### Directions for this task
Would you please give all the lines below again, exactly as they stand?
Material for this task below:
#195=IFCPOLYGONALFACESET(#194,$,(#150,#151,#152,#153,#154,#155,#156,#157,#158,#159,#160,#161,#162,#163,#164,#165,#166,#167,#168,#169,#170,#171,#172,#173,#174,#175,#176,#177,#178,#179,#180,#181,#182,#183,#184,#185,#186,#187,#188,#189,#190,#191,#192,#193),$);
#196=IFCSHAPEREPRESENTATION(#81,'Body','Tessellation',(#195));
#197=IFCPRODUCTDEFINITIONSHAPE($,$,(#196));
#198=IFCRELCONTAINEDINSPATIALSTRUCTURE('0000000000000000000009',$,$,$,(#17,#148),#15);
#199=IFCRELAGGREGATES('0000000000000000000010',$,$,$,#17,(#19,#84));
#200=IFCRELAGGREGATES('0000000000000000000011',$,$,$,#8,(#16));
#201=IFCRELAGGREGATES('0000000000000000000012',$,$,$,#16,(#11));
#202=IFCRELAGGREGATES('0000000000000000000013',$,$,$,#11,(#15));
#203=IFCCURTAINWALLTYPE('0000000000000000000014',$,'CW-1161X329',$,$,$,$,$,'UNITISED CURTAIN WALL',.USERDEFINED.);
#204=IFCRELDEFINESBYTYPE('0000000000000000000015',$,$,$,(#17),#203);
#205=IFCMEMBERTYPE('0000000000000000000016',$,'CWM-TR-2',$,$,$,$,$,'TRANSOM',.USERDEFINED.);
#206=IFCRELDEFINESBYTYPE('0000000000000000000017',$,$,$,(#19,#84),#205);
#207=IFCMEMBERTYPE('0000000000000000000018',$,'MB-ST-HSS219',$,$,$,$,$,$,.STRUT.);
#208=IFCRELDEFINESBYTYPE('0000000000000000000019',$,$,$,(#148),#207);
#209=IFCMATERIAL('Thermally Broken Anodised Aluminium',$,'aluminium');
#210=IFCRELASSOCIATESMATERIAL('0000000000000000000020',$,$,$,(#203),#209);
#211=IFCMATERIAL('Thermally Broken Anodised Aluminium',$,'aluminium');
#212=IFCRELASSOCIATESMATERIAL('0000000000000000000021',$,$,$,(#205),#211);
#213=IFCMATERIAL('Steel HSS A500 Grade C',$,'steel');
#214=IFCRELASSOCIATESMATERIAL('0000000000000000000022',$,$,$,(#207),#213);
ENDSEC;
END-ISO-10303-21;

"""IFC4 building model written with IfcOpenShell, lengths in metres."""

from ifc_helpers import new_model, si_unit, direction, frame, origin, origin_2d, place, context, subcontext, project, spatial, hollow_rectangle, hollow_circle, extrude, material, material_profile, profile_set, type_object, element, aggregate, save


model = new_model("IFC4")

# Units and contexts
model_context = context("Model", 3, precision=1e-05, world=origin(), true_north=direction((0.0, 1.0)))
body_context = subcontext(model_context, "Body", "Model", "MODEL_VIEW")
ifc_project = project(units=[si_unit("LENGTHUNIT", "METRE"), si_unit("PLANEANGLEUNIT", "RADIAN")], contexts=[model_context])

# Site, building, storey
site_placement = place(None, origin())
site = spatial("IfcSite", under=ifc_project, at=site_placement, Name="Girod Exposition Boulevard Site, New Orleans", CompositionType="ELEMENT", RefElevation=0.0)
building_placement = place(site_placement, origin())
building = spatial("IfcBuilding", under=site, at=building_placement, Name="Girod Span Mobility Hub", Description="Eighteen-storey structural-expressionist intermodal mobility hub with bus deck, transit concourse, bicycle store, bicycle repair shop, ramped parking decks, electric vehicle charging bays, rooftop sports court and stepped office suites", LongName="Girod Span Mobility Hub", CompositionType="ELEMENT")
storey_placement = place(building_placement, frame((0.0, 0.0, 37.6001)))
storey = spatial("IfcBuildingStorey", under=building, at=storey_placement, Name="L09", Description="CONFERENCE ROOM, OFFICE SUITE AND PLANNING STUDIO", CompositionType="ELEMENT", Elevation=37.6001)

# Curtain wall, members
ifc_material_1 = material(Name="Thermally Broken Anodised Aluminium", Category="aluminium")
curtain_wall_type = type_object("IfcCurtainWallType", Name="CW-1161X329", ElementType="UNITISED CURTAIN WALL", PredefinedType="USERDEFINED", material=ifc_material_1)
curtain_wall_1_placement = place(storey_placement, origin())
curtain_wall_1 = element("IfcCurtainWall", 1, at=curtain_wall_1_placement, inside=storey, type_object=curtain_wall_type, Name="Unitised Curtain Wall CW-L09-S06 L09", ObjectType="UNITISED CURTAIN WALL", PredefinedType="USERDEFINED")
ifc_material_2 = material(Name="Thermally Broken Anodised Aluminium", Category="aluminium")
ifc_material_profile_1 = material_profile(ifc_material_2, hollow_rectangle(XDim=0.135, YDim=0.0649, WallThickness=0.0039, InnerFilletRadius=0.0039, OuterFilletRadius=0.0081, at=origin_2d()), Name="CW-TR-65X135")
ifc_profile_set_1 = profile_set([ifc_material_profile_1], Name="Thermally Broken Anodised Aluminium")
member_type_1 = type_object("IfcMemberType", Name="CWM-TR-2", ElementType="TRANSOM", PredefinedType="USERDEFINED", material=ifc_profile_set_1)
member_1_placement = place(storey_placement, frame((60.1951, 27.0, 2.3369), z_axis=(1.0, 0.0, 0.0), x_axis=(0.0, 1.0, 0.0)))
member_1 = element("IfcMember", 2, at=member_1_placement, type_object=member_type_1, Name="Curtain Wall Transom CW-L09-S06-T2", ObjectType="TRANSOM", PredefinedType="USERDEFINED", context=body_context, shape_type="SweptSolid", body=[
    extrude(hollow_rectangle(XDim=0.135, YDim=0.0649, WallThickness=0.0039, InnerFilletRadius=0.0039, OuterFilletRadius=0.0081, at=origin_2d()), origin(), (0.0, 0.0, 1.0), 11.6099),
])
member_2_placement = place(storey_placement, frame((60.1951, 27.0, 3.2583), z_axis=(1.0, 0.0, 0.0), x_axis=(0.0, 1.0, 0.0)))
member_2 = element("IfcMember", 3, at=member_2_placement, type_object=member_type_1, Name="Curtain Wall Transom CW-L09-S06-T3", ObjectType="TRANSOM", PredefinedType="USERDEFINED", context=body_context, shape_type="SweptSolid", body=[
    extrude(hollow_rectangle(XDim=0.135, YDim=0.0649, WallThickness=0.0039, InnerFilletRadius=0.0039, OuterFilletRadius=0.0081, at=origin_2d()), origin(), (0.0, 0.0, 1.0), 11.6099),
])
End of Material for this task.
### The answer
#195=IFCPOLYGONALFACESET(#194,$,(#150,#151,#152,#153,#154,#155,#156,#157,#158,#159,#160,#161,#162,#163,#164,#165,#166,#167,#168,#169,#170,#171,#172,#173,#174,#175,#176,#177,#178,#179,#180,#181,#182,#183,#184,#185,#186,#187,#188,#189,#190,#191,#192,#193),$);
#196=IFCSHAPEREPRESENTATION(#81,'Body','Tessellation',(#195));
#197=IFCPRODUCTDEFINITIONSHAPE($,$,(#196));
#198=IFCRELCONTAINEDINSPATIALSTRUCTURE('0000000000000000000009',$,$,$,(#17,#148),#15);
#199=IFCRELAGGREGATES('0000000000000000000010',$,$,$,#17,(#19,#84));
#200=IFCRELAGGREGATES('0000000000000000000011',$,$,$,#8,(#16));
#201=IFCRELAGGREGATES('0000000000000000000012',$,$,$,#16,(#11));
#202=IFCRELAGGREGATES('0000000000000000000013',$,$,$,#11,(#15));
#203=IFCCURTAINWALLTYPE('0000000000000000000014',$,'CW-1161X329',$,$,$,$,$,'UNITISED CURTAIN WALL',.USERDEFINED.);
#204=IFCRELDEFINESBYTYPE('0000000000000000000015',$,$,$,(#17),#203);
#205=IFCMEMBERTYPE('0000000000000000000016',$,'CWM-TR-2',$,$,$,$,$,'TRANSOM',.USERDEFINED.);
#206=IFCRELDEFINESBYTYPE('0000000000000000000017',$,$,$,(#19,#84),#205);
#207=IFCMEMBERTYPE('0000000000000000000018',$,'MB-ST-HSS219',$,$,$,$,$,$,.STRUT.);
#208=IFCRELDEFINESBYTYPE('0000000000000000000019',$,$,$,(#148),#207);
#209=IFCMATERIAL('Thermally Broken Anodised Aluminium',$,'aluminium');
#210=IFCRELASSOCIATESMATERIAL('0000000000000000000020',$,$,$,(#203),#209);
#211=IFCMATERIAL('Thermally Broken Anodised Aluminium',$,'aluminium');
#212=IFCRELASSOCIATESMATERIAL('0000000000000000000021',$,$,$,(#205),#211);
#213=IFCMATERIAL('Steel HSS A500 Grade C',$,'steel');
#214=IFCRELASSOCIATESMATERIAL('0000000000000000000022',$,$,$,(#207),#213);
ENDSEC;
END-ISO-10303-21;

"""IFC4 building model written with IfcOpenShell, lengths in metres."""

from ifc_helpers import new_model, si_unit, direction, frame, origin, origin_2d, place, context, subcontext, project, spatial, hollow_rectangle, hollow_circle, extrude, material, material_profile, profile_set, type_object, element, aggregate, save


model = new_model("IFC4")

# Units and contexts
model_context = context("Model", 3, precision=1e-05, world=origin(), true_north=direction((0.0, 1.0)))
body_context = subcontext(model_context, "Body", "Model", "MODEL_VIEW")
ifc_project = project(units=[si_unit("LENGTHUNIT", "METRE"), si_unit("PLANEANGLEUNIT", "RADIAN")], contexts=[model_context])

# Site, building, storey
site_placement = place(None, origin())
site = spatial("IfcSite", under=ifc_project, at=site_placement, Name="Girod Exposition Boulevard Site, New Orleans", CompositionType="ELEMENT", RefElevation=0.0)
building_placement = place(site_placement, origin())
building = spatial("IfcBuilding", under=site, at=building_placement, Name="Girod Span Mobility Hub", Description="Eighteen-storey structural-expressionist intermodal mobility hub with bus deck, transit concourse, bicycle store, bicycle repair shop, ramped parking decks, electric vehicle charging bays, rooftop sports court and stepped office suites", LongName="Girod Span Mobility Hub", CompositionType="ELEMENT")
storey_placement = place(building_placement, frame((0.0, 0.0, 37.6001)))
storey = spatial("IfcBuildingStorey", under=building, at=storey_placement, Name="L09", Description="CONFERENCE ROOM, OFFICE SUITE AND PLANNING STUDIO", CompositionType="ELEMENT", Elevation=37.6001)

# Curtain wall, members
ifc_material_1 = material(Name="Thermally Broken Anodised Aluminium", Category="aluminium")
curtain_wall_type = type_object("IfcCurtainWallType", Name="CW-1161X329", ElementType="UNITISED CURTAIN WALL", PredefinedType="USERDEFINED", material=ifc_material_1)
curtain_wall_1_placement = place(storey_placement, origin())
curtain_wall_1 = element("IfcCurtainWall", 1, at=curtain_wall_1_placement, inside=storey, type_object=curtain_wall_type, Name="Unitised Curtain Wall CW-L09-S06 L09", ObjectType="UNITISED CURTAIN WALL", PredefinedType="USERDEFINED")
ifc_material_2 = material(Name="Thermally Broken Anodised Aluminium", Category="aluminium")
ifc_material_profile_1 = material_profile(ifc_material_2, hollow_rectangle(XDim=0.135, YDim=0.0649, WallThickness=0.0039, InnerFilletRadius=0.0039, OuterFilletRadius=0.0081, at=origin_2d()), Name="CW-TR-65X135")
ifc_profile_set_1 = profile_set([ifc_material_profile_1], Name="Thermally Broken Anodised Aluminium")
member_type_1 = type_object("IfcMemberType", Name="CWM-TR-2", ElementType="TRANSOM", PredefinedType="USERDEFINED", material=ifc_profile_set_1)
member_1_placement = place(storey_placement, frame((60.1951, 27.0, 2.3369), z_axis=(1.0, 0.0, 0.0), x_axis=(0.0, 1.0, 0.0)))
member_1 = element("IfcMember", 2, at=member_1_placement, type_object=member_type_1, Name="Curtain Wall Transom CW-L09-S06-T2", ObjectType="TRANSOM", PredefinedType="USERDEFINED", context=body_context, shape_type="SweptSolid", body=[
    extrude(hollow_rectangle(XDim=0.135, YDim=0.0649, WallThickness=0.0039, InnerFilletRadius=0.0039, OuterFilletRadius=0.0081, at=origin_2d()), origin(), (0.0, 0.0, 1.0), 11.6099),
])
member_2_placement = place(storey_placement, frame((60.1951, 27.0, 3.2583), z_axis=(1.0, 0.0, 0.0), x_axis=(0.0, 1.0, 0.0)))
member_2 = element("IfcMember", 3, at=member_2_placement, type_object=member_type_1, Name="Curtain Wall Transom CW-L09-S06-T3", ObjectType="TRANSOM", PredefinedType="USERDEFINED", context=body_context, shape_type="SweptSolid", body=[
    extrude(hollow_rectangle(XDim=0.135, YDim=0.0649, WallThickness=0.0039, InnerFilletRadius=0.0039, OuterFilletRadius=0.0081, at=origin_2d()), origin(), (0.0, 0.0, 1.0), 11.6099),
])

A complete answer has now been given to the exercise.